───── RAW DATA ─────
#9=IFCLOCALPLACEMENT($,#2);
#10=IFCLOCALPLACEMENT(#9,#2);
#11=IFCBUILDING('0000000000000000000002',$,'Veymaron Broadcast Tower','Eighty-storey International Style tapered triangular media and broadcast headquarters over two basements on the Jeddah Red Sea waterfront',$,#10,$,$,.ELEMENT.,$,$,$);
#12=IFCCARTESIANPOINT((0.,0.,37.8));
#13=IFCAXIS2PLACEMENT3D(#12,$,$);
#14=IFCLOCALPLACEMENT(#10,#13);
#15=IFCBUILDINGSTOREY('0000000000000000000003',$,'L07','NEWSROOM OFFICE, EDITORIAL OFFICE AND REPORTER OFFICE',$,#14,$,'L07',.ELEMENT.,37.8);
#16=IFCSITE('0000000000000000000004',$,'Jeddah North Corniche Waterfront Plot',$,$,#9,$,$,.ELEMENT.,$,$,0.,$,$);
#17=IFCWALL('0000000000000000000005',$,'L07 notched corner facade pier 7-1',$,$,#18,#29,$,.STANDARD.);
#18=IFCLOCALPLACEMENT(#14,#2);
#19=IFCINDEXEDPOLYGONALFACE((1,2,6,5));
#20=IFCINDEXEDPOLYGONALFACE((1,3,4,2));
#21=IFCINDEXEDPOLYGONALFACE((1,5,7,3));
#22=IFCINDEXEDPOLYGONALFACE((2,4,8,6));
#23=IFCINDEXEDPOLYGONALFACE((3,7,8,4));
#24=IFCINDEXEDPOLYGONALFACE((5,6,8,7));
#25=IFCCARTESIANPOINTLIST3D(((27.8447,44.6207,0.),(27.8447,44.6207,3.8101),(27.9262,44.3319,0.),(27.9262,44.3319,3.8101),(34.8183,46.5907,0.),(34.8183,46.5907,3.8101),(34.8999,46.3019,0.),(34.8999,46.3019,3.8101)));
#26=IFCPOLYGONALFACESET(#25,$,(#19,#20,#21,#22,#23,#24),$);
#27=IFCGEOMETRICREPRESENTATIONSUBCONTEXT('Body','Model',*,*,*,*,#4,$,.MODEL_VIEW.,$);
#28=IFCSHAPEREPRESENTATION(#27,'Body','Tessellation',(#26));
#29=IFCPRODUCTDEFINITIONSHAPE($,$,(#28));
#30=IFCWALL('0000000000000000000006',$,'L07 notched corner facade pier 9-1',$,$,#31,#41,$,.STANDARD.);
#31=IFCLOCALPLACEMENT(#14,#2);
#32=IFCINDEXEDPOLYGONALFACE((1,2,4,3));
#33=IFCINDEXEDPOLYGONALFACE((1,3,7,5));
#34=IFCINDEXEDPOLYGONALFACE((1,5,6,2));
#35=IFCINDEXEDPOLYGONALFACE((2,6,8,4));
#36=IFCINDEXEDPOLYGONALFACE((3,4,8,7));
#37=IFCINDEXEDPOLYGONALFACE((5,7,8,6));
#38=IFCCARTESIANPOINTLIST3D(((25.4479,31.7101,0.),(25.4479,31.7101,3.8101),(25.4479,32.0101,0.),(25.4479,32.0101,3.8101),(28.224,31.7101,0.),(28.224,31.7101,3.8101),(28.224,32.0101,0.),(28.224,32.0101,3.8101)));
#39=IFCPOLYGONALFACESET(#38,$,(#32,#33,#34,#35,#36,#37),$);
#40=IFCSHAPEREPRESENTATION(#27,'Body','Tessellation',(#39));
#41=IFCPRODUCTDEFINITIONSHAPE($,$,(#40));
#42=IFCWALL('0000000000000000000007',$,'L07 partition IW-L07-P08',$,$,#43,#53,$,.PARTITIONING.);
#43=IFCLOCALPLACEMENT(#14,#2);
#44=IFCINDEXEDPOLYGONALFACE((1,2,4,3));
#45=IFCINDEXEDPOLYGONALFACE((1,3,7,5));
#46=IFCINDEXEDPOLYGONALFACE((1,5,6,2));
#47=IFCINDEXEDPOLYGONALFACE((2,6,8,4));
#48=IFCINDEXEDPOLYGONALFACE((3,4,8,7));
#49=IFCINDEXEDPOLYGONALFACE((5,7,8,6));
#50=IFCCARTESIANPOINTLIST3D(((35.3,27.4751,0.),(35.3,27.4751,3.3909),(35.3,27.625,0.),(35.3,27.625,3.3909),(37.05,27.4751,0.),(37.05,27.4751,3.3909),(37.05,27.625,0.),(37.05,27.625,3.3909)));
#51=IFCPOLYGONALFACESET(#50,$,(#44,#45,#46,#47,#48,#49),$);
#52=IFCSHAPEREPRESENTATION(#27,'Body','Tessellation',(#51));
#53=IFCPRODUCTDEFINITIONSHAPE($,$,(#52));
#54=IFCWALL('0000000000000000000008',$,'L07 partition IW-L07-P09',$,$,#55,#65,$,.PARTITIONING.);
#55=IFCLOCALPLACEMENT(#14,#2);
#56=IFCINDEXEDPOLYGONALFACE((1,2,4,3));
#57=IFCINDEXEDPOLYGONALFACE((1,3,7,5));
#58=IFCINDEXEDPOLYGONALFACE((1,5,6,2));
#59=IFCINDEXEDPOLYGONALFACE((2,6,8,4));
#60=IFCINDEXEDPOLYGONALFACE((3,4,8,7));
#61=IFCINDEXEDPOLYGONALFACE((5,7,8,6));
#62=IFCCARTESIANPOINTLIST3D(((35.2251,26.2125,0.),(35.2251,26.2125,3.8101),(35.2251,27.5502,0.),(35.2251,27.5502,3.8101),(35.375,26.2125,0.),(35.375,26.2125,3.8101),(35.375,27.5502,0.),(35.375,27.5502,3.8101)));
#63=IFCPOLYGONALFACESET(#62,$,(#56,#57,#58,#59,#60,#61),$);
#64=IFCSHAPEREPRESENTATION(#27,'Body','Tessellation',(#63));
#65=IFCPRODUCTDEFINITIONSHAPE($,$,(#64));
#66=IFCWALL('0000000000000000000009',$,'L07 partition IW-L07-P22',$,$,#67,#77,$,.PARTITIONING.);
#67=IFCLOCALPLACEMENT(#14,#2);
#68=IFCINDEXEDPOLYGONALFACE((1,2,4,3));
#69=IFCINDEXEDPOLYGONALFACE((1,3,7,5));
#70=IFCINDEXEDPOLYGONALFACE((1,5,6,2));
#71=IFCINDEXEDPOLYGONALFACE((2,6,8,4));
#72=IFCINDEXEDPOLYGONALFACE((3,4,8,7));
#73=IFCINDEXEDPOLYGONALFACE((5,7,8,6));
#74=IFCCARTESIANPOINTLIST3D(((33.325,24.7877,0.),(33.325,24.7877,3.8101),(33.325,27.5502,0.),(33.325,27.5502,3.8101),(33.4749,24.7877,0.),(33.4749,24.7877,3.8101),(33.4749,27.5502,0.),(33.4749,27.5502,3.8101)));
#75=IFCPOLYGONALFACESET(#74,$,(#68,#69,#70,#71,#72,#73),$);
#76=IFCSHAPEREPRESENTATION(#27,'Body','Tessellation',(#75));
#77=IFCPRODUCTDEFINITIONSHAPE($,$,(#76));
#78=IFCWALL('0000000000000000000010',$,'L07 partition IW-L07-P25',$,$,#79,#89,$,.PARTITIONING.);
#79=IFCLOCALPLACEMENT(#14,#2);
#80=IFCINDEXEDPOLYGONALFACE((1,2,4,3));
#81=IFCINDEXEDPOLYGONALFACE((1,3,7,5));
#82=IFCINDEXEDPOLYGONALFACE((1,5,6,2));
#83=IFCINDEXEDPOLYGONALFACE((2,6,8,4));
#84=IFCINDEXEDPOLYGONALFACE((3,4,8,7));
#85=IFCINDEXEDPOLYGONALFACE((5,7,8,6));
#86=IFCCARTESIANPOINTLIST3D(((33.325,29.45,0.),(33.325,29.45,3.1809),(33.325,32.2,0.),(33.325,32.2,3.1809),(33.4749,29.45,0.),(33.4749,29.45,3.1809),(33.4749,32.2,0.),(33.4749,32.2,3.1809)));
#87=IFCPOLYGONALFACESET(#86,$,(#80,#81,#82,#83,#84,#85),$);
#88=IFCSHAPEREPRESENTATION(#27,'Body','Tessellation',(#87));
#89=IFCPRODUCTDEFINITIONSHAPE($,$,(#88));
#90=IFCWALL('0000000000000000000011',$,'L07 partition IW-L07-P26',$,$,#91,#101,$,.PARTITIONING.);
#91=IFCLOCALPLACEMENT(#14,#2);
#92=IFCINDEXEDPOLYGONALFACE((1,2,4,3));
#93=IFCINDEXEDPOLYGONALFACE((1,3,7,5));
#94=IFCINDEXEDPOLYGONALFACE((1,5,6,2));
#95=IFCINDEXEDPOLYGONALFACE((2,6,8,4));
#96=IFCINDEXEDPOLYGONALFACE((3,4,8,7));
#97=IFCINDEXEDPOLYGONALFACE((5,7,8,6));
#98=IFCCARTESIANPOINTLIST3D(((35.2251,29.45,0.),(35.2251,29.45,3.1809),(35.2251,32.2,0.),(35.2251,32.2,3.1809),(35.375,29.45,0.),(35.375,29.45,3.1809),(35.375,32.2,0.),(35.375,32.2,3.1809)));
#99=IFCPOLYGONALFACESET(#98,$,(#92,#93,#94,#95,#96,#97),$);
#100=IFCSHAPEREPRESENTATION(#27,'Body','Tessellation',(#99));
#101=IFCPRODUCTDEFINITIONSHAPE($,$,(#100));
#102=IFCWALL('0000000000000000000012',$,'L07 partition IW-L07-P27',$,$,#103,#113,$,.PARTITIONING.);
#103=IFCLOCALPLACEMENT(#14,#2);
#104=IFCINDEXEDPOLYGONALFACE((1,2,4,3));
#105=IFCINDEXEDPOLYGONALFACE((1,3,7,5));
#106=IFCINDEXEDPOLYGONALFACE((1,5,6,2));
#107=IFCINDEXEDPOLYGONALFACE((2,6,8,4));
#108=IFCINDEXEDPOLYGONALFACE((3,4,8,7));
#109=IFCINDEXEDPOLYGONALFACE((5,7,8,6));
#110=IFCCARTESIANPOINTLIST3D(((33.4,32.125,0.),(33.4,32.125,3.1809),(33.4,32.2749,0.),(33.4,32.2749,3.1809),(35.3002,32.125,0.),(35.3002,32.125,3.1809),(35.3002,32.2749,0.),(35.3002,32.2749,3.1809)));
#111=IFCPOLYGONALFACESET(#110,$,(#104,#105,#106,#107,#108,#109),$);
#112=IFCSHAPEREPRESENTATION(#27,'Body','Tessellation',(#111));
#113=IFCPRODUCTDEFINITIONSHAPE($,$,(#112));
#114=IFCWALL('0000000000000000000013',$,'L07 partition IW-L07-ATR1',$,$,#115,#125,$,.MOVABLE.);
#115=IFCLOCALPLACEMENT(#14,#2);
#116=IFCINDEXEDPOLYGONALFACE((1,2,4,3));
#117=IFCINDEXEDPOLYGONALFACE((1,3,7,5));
─────
───── RAW DATA ─────
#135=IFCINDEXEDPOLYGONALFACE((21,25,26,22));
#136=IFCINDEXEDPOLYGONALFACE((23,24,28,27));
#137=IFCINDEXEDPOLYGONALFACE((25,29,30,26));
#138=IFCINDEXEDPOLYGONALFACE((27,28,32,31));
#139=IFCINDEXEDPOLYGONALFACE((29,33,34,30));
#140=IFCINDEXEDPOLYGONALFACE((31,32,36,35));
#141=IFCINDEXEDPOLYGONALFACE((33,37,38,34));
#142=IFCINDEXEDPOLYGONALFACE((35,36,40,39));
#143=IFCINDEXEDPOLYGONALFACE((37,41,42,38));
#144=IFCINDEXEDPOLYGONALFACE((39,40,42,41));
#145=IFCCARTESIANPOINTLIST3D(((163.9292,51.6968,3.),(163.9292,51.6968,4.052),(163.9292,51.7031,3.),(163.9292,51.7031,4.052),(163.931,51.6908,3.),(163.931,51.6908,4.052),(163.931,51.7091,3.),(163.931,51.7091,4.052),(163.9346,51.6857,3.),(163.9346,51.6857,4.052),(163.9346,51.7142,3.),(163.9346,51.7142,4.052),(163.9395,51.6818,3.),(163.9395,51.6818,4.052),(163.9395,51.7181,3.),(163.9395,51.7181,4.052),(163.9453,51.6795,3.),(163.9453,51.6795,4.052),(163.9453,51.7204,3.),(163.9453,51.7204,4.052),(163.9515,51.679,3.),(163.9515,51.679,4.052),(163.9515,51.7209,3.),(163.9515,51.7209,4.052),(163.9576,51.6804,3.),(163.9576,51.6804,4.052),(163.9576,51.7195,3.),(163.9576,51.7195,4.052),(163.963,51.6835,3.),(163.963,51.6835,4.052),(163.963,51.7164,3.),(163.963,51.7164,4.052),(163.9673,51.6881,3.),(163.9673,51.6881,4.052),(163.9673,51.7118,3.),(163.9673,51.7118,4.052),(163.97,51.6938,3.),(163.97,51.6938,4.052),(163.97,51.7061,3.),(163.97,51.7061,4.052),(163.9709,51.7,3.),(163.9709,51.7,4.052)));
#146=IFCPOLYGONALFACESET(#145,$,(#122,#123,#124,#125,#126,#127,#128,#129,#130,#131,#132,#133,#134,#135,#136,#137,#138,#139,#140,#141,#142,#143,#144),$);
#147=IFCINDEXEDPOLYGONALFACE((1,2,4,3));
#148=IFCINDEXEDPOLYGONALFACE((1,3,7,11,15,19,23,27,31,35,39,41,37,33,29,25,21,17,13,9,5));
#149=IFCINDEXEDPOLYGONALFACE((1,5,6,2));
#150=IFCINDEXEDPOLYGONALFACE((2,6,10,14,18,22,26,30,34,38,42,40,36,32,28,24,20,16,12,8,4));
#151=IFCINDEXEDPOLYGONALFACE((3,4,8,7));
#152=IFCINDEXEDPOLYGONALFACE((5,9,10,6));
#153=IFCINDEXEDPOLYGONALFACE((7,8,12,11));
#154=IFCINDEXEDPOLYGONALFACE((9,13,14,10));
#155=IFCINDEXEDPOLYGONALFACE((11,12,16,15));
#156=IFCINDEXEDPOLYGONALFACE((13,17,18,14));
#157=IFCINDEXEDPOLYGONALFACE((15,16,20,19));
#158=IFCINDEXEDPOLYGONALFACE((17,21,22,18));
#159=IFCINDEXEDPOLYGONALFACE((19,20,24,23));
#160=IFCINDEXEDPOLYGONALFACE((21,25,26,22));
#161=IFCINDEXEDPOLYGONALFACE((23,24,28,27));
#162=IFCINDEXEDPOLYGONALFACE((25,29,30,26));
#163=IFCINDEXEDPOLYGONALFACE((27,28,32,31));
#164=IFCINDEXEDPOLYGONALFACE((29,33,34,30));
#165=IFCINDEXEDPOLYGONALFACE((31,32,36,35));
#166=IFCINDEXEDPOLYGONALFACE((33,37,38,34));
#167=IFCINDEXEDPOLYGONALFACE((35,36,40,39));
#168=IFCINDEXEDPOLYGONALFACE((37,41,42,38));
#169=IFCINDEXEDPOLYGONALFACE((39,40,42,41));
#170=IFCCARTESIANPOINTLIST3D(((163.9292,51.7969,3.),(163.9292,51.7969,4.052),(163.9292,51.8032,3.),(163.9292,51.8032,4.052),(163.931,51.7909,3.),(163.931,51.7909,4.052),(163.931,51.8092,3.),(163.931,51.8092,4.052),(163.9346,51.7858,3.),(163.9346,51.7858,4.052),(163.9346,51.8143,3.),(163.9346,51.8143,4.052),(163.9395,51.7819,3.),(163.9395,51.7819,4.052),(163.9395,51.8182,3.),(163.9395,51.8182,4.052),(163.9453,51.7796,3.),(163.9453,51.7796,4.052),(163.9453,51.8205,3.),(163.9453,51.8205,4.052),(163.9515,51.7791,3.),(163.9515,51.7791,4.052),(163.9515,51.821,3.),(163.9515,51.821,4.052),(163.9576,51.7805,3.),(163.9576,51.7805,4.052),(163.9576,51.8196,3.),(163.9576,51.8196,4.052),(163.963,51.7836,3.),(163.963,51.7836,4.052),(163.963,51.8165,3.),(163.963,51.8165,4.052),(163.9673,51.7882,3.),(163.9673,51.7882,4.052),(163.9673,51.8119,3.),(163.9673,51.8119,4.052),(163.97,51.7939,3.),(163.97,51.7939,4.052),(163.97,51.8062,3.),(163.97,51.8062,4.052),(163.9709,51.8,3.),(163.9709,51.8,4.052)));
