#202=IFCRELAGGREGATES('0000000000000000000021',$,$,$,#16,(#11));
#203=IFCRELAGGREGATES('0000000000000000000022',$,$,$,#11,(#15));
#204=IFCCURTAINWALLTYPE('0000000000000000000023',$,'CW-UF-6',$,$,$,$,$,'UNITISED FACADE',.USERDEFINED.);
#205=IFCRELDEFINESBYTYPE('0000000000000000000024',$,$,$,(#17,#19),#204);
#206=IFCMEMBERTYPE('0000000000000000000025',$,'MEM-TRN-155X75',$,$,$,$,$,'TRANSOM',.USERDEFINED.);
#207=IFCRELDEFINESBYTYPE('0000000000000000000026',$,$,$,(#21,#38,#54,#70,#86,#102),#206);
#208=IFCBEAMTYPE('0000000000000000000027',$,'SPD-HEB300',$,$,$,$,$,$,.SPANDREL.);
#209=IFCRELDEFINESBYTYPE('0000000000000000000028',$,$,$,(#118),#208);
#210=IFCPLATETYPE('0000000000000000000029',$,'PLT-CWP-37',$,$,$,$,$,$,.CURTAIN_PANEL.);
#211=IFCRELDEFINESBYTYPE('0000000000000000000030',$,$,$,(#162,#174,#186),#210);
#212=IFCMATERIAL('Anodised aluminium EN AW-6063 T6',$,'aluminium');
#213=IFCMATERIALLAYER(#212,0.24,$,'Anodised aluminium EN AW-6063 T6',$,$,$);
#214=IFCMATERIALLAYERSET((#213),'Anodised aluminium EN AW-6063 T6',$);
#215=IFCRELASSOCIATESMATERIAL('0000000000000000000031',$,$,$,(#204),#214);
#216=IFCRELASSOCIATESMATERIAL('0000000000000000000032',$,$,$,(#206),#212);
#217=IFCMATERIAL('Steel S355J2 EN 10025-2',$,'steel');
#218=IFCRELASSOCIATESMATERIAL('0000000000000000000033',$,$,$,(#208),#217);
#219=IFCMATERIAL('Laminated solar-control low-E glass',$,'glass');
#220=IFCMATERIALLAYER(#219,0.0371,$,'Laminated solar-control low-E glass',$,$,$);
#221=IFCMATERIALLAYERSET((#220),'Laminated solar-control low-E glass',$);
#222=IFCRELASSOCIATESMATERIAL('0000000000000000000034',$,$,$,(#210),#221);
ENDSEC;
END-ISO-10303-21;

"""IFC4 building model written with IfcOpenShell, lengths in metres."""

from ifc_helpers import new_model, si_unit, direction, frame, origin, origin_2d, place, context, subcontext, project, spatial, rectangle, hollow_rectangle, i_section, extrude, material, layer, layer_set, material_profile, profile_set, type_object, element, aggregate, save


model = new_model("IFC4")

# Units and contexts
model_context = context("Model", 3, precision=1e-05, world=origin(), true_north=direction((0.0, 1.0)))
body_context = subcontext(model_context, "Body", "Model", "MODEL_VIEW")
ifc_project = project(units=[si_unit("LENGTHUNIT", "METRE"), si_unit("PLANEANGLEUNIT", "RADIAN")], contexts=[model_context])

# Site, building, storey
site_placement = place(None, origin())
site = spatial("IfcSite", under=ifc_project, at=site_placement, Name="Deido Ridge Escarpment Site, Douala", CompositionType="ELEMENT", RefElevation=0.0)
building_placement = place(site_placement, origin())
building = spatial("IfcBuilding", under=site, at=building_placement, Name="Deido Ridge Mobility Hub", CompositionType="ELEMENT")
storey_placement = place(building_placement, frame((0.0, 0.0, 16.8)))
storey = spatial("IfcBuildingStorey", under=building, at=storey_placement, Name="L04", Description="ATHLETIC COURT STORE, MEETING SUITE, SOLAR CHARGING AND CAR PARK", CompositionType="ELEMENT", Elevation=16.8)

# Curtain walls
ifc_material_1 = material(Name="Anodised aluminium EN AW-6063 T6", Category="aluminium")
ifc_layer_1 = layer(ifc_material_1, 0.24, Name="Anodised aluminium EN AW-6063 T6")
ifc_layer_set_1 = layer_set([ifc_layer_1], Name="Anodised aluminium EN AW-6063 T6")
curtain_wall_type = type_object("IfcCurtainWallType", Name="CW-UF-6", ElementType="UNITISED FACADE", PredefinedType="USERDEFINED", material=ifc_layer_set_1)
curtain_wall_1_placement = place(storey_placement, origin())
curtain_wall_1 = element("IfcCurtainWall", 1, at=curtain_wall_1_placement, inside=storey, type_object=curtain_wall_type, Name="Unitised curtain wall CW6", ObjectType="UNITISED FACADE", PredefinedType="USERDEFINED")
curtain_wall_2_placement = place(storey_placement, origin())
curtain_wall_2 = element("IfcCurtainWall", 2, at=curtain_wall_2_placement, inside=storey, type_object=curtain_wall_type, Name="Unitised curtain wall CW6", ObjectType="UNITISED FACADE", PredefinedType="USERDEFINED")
─────
### [WHAT TO DO]
Write out exactly the lines above from the line with "#79=IFCLOCALPLACEMENT(#14,#2);" through the line with "#94=IFCINDEXEDPOLYGONALFACE((1,5,6,2));", both of them included, and leave out all other lines.

### [RESPONSE]
#79=IFCLOCALPLACEMENT(#14,#2);
#80=IFCINDEXEDPOLYGONALFACE((1,2,4,3));
#81=IFCINDEXEDPOLYGONALFACE((1,3,7,5));
#82=IFCINDEXEDPOLYGONALFACE((1,5,6,2));
#83=IFCINDEXEDPOLYGONALFACE((2,6,8,4));
#84=IFCINDEXEDPOLYGONALFACE((3,4,8,7));
#85=IFCINDEXEDPOLYGONALFACE((5,7,8,6));
#86=IFCCARTESIANPOINTLIST3D(((33.325,29.45,0.),(33.325,29.45,3.1809),(33.325,32.2,0.),(33.325,32.2,3.1809),(33.4749,29.45,0.),(33.4749,29.45,3.1809),(33.4749,32.2,0.),(33.4749,32.2,3.1809)));
#87=IFCPOLYGONALFACESET(#86,$,(#80,#81,#82,#83,#84,#85),$);
#88=IFCSHAPEREPRESENTATION(#27,'Body','Tessellation',(#87));
#89=IFCPRODUCTDEFINITIONSHAPE($,$,(#88));
#90=IFCWALL('0000000000000000000011',$,'L07 partition IW-L07-P26',$,$,#91,#101,$,.PARTITIONING.);
#91=IFCLOCALPLACEMENT(#14,#2);
#92=IFCINDEXEDPOLYGONALFACE((1,2,4,3));
#93=IFCINDEXEDPOLYGONALFACE((1,3,7,5));
#94=IFCINDEXEDPOLYGONALFACE((1,5,6,2));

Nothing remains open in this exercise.